**WHAT THE TASK REQUIRES:** Look through the data for the string "Grade". Copy every line where it is found.

Start of MATERIAL FOR THIS TASK

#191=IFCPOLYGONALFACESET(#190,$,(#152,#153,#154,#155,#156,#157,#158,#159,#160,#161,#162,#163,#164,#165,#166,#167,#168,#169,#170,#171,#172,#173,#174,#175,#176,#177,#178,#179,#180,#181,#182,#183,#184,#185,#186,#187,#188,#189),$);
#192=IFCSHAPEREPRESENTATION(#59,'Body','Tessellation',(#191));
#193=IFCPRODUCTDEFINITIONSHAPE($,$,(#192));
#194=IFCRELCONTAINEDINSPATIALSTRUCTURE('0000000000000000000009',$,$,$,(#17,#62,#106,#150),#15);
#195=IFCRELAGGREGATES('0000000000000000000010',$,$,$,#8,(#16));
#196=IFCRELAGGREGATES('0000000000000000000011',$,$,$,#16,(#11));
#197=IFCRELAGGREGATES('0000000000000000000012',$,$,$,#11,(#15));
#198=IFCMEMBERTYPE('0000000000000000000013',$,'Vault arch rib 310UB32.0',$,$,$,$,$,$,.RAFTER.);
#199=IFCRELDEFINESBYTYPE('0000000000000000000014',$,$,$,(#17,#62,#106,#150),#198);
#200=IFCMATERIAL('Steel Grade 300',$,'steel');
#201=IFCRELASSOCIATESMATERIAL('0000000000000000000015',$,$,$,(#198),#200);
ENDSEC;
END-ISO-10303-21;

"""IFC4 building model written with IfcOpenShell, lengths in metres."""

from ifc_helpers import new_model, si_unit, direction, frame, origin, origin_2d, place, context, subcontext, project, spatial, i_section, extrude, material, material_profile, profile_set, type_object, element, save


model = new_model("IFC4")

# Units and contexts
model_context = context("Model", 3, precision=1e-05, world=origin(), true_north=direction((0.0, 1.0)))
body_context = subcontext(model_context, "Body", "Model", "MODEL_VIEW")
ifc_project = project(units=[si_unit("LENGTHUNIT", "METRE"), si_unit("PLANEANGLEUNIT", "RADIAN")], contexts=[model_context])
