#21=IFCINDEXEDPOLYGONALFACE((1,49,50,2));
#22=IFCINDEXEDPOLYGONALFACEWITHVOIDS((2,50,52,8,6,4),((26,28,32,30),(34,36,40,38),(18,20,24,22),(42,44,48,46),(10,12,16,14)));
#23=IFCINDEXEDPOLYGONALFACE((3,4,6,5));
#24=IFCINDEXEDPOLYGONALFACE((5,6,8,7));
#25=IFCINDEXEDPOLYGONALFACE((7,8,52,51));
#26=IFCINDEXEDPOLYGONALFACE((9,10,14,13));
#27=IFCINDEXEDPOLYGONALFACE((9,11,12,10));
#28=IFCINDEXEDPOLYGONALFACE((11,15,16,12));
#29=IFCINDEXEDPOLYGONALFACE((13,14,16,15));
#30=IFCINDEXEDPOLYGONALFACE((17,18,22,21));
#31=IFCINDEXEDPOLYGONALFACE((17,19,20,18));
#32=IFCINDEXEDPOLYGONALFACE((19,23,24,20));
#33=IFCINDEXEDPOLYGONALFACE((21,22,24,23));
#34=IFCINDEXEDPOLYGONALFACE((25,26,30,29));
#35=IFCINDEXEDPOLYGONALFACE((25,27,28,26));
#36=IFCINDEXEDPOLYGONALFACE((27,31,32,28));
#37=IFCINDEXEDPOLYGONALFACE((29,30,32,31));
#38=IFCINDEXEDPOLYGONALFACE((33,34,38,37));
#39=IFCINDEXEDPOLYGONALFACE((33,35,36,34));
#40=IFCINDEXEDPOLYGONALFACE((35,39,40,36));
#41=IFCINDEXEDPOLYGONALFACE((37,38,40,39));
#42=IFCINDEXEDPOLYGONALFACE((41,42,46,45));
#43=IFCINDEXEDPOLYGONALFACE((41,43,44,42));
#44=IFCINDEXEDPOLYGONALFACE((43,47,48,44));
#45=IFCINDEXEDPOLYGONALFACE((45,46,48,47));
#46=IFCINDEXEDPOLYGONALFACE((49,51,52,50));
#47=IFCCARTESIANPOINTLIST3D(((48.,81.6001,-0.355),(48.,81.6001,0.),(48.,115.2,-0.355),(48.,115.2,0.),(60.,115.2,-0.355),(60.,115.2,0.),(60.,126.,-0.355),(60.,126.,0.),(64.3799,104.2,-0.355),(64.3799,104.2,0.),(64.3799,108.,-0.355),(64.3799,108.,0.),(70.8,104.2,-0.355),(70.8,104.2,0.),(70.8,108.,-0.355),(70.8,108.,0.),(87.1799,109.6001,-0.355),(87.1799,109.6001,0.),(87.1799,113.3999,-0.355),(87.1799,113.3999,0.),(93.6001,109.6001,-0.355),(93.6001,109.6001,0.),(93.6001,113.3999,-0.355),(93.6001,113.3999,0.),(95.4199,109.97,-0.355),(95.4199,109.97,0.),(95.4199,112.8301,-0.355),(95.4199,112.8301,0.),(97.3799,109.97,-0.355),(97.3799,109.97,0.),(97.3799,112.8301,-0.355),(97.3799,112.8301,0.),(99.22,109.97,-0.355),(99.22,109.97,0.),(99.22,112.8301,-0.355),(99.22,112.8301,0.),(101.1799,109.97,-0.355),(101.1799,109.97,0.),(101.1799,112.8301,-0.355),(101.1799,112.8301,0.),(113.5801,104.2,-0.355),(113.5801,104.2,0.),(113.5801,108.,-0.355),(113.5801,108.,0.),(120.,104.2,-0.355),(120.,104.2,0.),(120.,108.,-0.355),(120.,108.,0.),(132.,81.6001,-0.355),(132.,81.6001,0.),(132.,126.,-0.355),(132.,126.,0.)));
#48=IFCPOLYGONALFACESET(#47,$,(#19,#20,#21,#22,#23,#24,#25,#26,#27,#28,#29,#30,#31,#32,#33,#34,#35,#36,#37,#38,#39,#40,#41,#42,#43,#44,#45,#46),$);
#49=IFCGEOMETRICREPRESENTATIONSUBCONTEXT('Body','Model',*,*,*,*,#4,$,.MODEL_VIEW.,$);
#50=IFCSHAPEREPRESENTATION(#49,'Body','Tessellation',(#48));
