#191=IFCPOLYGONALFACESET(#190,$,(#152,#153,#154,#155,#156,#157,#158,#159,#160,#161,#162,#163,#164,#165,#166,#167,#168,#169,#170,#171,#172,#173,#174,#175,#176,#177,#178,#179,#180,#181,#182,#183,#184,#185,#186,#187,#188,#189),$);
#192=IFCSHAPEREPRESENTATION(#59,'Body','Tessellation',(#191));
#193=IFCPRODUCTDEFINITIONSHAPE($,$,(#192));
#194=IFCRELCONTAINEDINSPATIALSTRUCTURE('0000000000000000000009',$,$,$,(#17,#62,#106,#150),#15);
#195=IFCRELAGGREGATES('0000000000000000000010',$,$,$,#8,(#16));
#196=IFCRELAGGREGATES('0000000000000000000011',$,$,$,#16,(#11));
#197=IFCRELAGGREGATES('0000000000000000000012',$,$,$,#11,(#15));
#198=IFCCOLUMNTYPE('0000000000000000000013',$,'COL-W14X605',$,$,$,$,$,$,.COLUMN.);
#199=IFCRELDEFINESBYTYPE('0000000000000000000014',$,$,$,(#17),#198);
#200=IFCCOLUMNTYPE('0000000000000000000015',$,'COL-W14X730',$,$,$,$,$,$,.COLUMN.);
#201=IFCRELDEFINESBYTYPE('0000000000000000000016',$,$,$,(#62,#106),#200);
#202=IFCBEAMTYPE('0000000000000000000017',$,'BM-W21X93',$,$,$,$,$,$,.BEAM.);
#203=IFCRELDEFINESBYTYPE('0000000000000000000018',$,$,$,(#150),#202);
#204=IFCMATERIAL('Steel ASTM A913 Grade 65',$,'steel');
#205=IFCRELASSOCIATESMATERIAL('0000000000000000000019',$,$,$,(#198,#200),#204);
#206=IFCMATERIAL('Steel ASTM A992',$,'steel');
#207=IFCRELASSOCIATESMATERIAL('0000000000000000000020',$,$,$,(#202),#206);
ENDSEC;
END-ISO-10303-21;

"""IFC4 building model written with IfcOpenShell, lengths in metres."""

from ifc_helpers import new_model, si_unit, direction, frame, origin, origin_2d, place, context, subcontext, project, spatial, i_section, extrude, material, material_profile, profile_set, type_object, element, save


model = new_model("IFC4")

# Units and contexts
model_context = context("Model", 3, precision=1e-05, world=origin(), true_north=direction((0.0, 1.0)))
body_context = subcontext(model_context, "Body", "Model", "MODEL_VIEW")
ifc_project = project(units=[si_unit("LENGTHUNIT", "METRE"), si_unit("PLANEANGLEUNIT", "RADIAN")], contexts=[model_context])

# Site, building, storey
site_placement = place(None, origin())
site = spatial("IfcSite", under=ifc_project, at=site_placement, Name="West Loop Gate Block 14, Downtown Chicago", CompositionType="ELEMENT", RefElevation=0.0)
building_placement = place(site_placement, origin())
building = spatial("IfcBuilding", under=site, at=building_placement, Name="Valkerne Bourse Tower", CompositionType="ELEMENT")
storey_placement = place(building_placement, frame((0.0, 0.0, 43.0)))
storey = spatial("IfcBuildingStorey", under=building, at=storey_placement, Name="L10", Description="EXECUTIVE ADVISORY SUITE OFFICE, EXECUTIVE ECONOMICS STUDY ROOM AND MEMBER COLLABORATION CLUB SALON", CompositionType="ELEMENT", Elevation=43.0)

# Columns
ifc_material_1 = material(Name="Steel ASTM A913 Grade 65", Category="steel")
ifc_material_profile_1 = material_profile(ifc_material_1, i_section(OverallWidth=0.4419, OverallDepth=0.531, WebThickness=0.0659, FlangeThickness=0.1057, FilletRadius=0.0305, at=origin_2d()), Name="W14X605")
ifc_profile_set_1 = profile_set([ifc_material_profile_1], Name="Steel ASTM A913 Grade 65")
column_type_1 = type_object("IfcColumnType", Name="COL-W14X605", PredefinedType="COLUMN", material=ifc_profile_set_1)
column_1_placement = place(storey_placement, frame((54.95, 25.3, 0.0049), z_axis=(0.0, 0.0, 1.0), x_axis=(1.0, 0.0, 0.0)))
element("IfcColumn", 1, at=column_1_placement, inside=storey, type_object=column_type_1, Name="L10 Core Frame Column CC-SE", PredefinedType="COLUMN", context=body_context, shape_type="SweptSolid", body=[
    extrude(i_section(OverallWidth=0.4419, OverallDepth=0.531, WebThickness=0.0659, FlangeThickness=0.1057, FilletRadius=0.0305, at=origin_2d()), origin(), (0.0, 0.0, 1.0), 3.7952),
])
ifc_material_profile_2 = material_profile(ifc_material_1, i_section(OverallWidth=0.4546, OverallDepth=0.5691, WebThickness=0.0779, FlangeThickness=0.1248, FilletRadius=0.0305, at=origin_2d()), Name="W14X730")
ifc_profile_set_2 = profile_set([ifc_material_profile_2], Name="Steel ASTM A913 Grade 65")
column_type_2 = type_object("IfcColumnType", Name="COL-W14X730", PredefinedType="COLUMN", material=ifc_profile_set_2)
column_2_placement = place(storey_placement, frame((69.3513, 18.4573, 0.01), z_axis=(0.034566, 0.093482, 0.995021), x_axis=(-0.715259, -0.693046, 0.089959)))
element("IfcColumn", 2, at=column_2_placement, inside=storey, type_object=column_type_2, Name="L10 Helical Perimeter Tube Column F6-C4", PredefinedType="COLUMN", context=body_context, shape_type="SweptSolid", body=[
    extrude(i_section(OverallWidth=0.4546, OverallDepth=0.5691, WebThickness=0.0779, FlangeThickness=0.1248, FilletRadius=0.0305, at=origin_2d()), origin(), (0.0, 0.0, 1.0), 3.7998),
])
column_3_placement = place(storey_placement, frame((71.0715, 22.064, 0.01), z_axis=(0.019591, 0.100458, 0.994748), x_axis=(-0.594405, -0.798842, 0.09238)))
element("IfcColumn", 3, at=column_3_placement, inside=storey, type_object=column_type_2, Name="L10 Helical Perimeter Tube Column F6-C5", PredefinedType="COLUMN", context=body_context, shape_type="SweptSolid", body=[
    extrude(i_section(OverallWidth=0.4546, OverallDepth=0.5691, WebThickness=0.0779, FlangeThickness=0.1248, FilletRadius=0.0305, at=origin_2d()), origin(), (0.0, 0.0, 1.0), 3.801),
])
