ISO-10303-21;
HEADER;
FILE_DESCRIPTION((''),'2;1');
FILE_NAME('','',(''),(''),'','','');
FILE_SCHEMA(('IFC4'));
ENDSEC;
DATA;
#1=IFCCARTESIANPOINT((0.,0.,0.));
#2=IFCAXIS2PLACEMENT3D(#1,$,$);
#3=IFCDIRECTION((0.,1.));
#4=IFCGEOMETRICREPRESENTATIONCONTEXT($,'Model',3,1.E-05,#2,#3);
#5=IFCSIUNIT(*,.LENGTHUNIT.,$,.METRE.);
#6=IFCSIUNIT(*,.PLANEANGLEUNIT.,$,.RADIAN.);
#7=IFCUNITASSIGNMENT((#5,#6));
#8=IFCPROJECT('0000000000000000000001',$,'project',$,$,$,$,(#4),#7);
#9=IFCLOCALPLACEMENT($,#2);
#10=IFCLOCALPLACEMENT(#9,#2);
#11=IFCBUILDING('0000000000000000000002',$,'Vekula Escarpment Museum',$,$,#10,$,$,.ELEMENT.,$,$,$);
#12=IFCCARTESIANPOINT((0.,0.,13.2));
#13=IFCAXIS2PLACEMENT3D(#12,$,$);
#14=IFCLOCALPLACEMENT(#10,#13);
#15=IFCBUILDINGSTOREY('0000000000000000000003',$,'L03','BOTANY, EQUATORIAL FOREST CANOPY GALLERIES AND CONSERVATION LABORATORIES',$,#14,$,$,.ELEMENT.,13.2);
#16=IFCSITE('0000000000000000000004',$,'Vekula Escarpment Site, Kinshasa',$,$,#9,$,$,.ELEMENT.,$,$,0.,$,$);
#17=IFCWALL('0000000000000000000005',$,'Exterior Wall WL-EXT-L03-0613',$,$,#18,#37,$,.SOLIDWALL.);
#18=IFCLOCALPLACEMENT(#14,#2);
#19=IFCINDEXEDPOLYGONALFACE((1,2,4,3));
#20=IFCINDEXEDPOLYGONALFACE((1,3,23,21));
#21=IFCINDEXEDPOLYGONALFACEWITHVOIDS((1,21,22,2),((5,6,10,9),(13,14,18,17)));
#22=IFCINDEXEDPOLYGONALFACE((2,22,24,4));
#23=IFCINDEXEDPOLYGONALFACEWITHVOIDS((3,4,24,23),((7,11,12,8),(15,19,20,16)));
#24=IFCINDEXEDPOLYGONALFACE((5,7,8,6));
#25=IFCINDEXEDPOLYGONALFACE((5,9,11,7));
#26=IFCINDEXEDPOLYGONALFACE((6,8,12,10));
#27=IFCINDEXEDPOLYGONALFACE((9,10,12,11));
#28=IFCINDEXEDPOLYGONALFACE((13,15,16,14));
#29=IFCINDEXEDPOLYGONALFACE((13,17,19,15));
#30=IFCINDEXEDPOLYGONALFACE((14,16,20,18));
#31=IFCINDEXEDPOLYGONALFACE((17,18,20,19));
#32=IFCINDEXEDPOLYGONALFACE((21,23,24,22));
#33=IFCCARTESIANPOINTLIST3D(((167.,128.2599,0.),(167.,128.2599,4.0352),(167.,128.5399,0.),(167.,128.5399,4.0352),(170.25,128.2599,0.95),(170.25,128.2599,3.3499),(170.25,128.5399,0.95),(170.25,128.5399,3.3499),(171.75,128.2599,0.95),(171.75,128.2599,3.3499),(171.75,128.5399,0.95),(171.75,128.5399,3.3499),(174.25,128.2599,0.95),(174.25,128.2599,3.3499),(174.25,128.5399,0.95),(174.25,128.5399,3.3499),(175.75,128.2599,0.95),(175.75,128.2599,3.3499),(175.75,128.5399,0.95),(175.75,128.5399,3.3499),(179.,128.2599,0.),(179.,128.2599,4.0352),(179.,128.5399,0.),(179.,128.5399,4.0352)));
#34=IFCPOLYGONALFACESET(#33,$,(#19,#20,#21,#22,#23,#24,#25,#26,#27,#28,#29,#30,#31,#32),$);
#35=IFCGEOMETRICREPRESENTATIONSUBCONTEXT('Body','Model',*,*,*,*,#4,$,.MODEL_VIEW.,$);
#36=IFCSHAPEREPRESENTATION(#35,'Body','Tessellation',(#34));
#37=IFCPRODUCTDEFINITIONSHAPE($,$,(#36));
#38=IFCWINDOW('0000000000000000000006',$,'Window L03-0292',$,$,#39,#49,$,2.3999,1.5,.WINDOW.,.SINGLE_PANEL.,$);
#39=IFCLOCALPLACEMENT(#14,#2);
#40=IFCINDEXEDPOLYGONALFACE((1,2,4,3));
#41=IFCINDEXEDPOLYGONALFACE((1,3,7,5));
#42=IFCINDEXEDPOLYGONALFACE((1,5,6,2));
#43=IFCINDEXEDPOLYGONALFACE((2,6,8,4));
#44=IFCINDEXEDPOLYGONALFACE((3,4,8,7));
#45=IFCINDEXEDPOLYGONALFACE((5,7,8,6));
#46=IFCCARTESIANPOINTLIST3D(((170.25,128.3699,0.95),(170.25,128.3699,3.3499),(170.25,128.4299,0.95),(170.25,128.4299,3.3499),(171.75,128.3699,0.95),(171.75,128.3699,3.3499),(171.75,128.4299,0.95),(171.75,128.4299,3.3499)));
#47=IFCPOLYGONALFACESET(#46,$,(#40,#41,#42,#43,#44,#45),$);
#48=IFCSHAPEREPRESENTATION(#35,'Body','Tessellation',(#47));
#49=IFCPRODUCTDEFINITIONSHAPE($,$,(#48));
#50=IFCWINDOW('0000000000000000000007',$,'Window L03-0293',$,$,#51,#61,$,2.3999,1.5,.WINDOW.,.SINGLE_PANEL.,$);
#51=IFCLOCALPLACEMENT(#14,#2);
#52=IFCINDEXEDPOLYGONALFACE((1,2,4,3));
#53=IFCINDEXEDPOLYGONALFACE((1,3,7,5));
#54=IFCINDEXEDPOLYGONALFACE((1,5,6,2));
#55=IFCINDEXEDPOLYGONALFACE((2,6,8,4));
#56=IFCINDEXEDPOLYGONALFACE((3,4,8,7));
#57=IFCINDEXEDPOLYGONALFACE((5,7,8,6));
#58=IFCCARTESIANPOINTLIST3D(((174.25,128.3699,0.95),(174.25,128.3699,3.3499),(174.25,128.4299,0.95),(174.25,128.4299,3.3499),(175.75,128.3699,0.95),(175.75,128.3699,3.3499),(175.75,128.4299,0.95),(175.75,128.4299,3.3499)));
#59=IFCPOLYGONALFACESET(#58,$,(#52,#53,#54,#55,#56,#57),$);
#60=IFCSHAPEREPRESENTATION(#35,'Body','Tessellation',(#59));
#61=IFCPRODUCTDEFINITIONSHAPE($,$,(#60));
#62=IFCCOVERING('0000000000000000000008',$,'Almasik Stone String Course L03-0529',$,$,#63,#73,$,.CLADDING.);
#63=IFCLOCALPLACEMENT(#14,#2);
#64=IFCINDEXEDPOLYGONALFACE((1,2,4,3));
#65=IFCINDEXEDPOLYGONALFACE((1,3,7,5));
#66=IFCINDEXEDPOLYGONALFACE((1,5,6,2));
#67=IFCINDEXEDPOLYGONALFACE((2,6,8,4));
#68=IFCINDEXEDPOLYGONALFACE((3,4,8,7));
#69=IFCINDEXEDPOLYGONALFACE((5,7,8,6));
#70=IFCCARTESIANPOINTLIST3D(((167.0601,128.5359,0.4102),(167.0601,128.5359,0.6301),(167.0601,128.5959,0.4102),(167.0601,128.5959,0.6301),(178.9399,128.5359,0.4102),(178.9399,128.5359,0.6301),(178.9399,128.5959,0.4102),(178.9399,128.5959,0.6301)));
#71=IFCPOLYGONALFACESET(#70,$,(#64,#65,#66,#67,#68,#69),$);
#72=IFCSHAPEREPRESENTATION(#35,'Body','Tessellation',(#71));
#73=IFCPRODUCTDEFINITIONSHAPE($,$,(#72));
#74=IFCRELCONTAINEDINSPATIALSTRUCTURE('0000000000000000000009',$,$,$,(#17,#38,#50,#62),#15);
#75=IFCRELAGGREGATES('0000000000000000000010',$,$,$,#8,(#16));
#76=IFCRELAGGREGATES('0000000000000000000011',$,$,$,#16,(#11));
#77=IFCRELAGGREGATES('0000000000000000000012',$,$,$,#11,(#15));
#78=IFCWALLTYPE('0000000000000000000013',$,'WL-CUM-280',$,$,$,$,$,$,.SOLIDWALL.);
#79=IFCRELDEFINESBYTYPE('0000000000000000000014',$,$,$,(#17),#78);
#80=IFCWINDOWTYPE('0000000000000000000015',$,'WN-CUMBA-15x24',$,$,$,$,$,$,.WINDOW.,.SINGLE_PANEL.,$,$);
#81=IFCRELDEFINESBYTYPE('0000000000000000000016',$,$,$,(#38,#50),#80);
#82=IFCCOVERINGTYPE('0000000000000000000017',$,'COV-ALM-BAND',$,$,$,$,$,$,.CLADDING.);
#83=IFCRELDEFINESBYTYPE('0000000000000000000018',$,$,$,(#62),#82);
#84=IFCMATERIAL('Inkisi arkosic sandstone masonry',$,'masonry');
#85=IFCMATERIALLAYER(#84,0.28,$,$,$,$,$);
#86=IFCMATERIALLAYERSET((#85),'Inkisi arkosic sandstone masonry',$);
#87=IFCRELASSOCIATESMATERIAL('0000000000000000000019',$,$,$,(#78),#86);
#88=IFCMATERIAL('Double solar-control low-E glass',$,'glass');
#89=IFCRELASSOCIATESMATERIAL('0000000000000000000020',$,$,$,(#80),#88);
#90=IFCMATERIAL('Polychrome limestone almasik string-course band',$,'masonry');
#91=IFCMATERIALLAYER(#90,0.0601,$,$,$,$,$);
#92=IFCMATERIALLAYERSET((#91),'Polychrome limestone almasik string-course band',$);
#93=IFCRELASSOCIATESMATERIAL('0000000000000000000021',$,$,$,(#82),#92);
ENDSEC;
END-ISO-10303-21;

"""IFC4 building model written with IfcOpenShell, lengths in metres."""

from ifc_helpers import new_model, si_unit, direction, frame, frame_2d, origin, origin_2d, place, context, subcontext, project, spatial, rectangle, extrude, material, layer, layer_set, type_object, element, fill, save


model = new_model("IFC4")

# Units and contexts
model_context = context("Model", 3, precision=1e-05, world=origin(), true_north=direction((0.0, 1.0)))
body_context = subcontext(model_context, "Body", "Model", "MODEL_VIEW")
ifc_project = project(units=[si_unit("LENGTHUNIT", "METRE"), si_unit("PLANEANGLEUNIT", "RADIAN")], contexts=[model_context])

# Site, building, storey
site_placement = place(None, origin())
site = spatial("IfcSite", under=ifc_project, at=site_placement, Name="Vekula Escarpment Site, Kinshasa", CompositionType="ELEMENT", RefElevation=0.0)
building_placement = place(site_placement, origin())
building = spatial("IfcBuilding", under=site, at=building_placement, Name="Vekula Escarpment Museum", CompositionType="ELEMENT")
storey_placement = place(building_placement, frame((0.0, 0.0, 13.2)))
storey = spatial("IfcBuildingStorey", under=building, at=storey_placement, Name="L03", Description="BOTANY, EQUATORIAL FOREST CANOPY GALLERIES AND CONSERVATION LABORATORIES", CompositionType="ELEMENT", Elevation=13.2)

# Wall, openings, windows
ifc_material_1 = material(Name="Inkisi arkosic sandstone masonry", Category="masonry")
ifc_layer_1 = layer(ifc_material_1, 0.28)
ifc_layer_set_1 = layer_set([ifc_layer_1], Name="Inkisi arkosic sandstone masonry")
wall_type = type_object("IfcWallType", Name="WL-CUM-280", PredefinedType="SOLIDWALL", material=ifc_layer_set_1)
wall_1_placement = place(storey_placement, frame((167.0, 128.3999, 0.0), z_axis=(0.0, 0.0, 1.0), x_axis=(1.0, 0.0, 0.0)))
wall_1 = element("IfcWall", 1, at=wall_1_placement, inside=storey, type_object=wall_type, Name="Exterior Wall WL-EXT-L03-0613", PredefinedType="SOLIDWALL", context=body_context, shape_type="SweptSolid", body=[
    extrude(rectangle(XDim=12.0, YDim=0.28, at=frame_2d((6.0, 0.0))), origin(), (0.0, 0.0, 1.0), 4.0352),
])
opening_1_placement = place(wall_1_placement, frame((3.25, 0.0, 0.95)))
opening_1 = element("IfcOpeningElement", 2, at=opening_1_placement, cuts=wall_1, PredefinedType="OPENING", context=body_context, shape_type="SweptSolid", body=[
    extrude(rectangle(XDim=1.5, YDim=2.3999, at=frame_2d((0.75, 1.2))), frame((0.0, 0.1499, 0.0), z_axis=(0.0, -1.0, 0.0), x_axis=(1.0, 0.0, 0.0)), (0.0, 0.0, 1.0), 0.3),
])
opening_2_placement = place(wall_1_placement, frame((7.25, 0.0, 0.95)))
opening_2 = element("IfcOpeningElement", 3, at=opening_2_placement, cuts=wall_1, PredefinedType="OPENING", context=body_context, shape_type="SweptSolid", body=[
    extrude(rectangle(XDim=1.5, YDim=2.3999, at=frame_2d((0.75, 1.2))), frame((0.0, 0.1499, 0.0), z_axis=(0.0, -1.0, 0.0), x_axis=(1.0, 0.0, 0.0)), (0.0, 0.0, 1.0), 0.3),
])
ifc_material_2 = material(Name="Double solar-control low-E glass", Category="glass")
window_type_1 = type_object("IfcWindowType", Name="WN-CUMBA-15x24", PartitioningType="SINGLE_PANEL", PredefinedType="WINDOW", material=ifc_material_2)
window_1_placement = place(opening_1_placement, origin())
window_1 = element("IfcWindow", 4, at=window_1_placement, inside=storey, type_object=window_type_1, Name="Window L03-0292", OverallHeight=2.3999, OverallWidth=1.5, PartitioningType="SINGLE_PANEL", PredefinedType="WINDOW", context=body_context, shape_type="SweptSolid", body=[
    extrude(rectangle(XDim=1.5, YDim=2.3999, at=frame_2d((0.75, 1.2))), frame((0.0, 0.03, 0.0), z_axis=(0.0, -1.0, 0.0), x_axis=(1.0, 0.0, 0.0)), (0.0, 0.0, 1.0), 0.0601),
])
fill(opening_1, window_1)
window_2_placement = place(opening_2_placement, origin())
window_2 = element("IfcWindow", 5, at=window_2_placement, inside=storey, type_object=window_type_1, Name="Window L03-0293", OverallHeight=2.3999, OverallWidth=1.5, PartitioningType="SINGLE_PANEL", PredefinedType="WINDOW", context=body_context, shape_type="SweptSolid", body=[
    extrude(rectangle(XDim=1.5, YDim=2.3999, at=frame_2d((0.75, 1.2))), frame((0.0, 0.03, 0.0), z_axis=(0.0, -1.0, 0.0), x_axis=(1.0, 0.0, 0.0)), (0.0, 0.0, 1.0), 0.0601),
])
fill(opening_2, window_2)

# Covering
ifc_material_3 = material(Name="Polychrome limestone almasik string-course band", Category="masonry")
ifc_layer_2 = layer(ifc_material_3, 0.0601)
ifc_layer_set_2 = layer_set([ifc_layer_2], Name="Polychrome limestone almasik string-course band")
covering_type = type_object("IfcCoveringType", Name="COV-ALM-BAND", PredefinedType="CLADDING", material=ifc_layer_set_2)
covering_placement = place(storey_placement, frame((173.0, 128.5659, 0.4102), z_axis=(0.0, 0.0, 1.0), x_axis=(1.0, 0.0, 0.0)))
element("IfcCovering", 6, at=covering_placement, inside=storey, type_object=covering_type, Name="Almasik Stone String Course L03-0529", PredefinedType="CLADDING", context=body_context, shape_type="SweptSolid", body=[
    extrude(rectangle(XDim=11.8799, YDim=0.0601, at=origin_2d()), origin(), (0.0, 0.0, 1.0), 0.22),
])

save(model, "model.ifc")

End of MATERIAL FOR THIS TASK

**TASK ANSWER:**
#200=IFCMATERIAL('Steel Grade 300',$,'steel');
#204=IFCMATERIAL('Steel ASTM A913 Grade 65',$,'steel');
ifc_material_1 = material(Name="Steel ASTM A913 Grade 65", Category="steel")
ifc_profile_set_1 = profile_set([ifc_material_profile_1], Name="Steel ASTM A913 Grade 65")
ifc_profile_set_2 = profile_set([ifc_material_profile_2], Name="Steel ASTM A913 Grade 65")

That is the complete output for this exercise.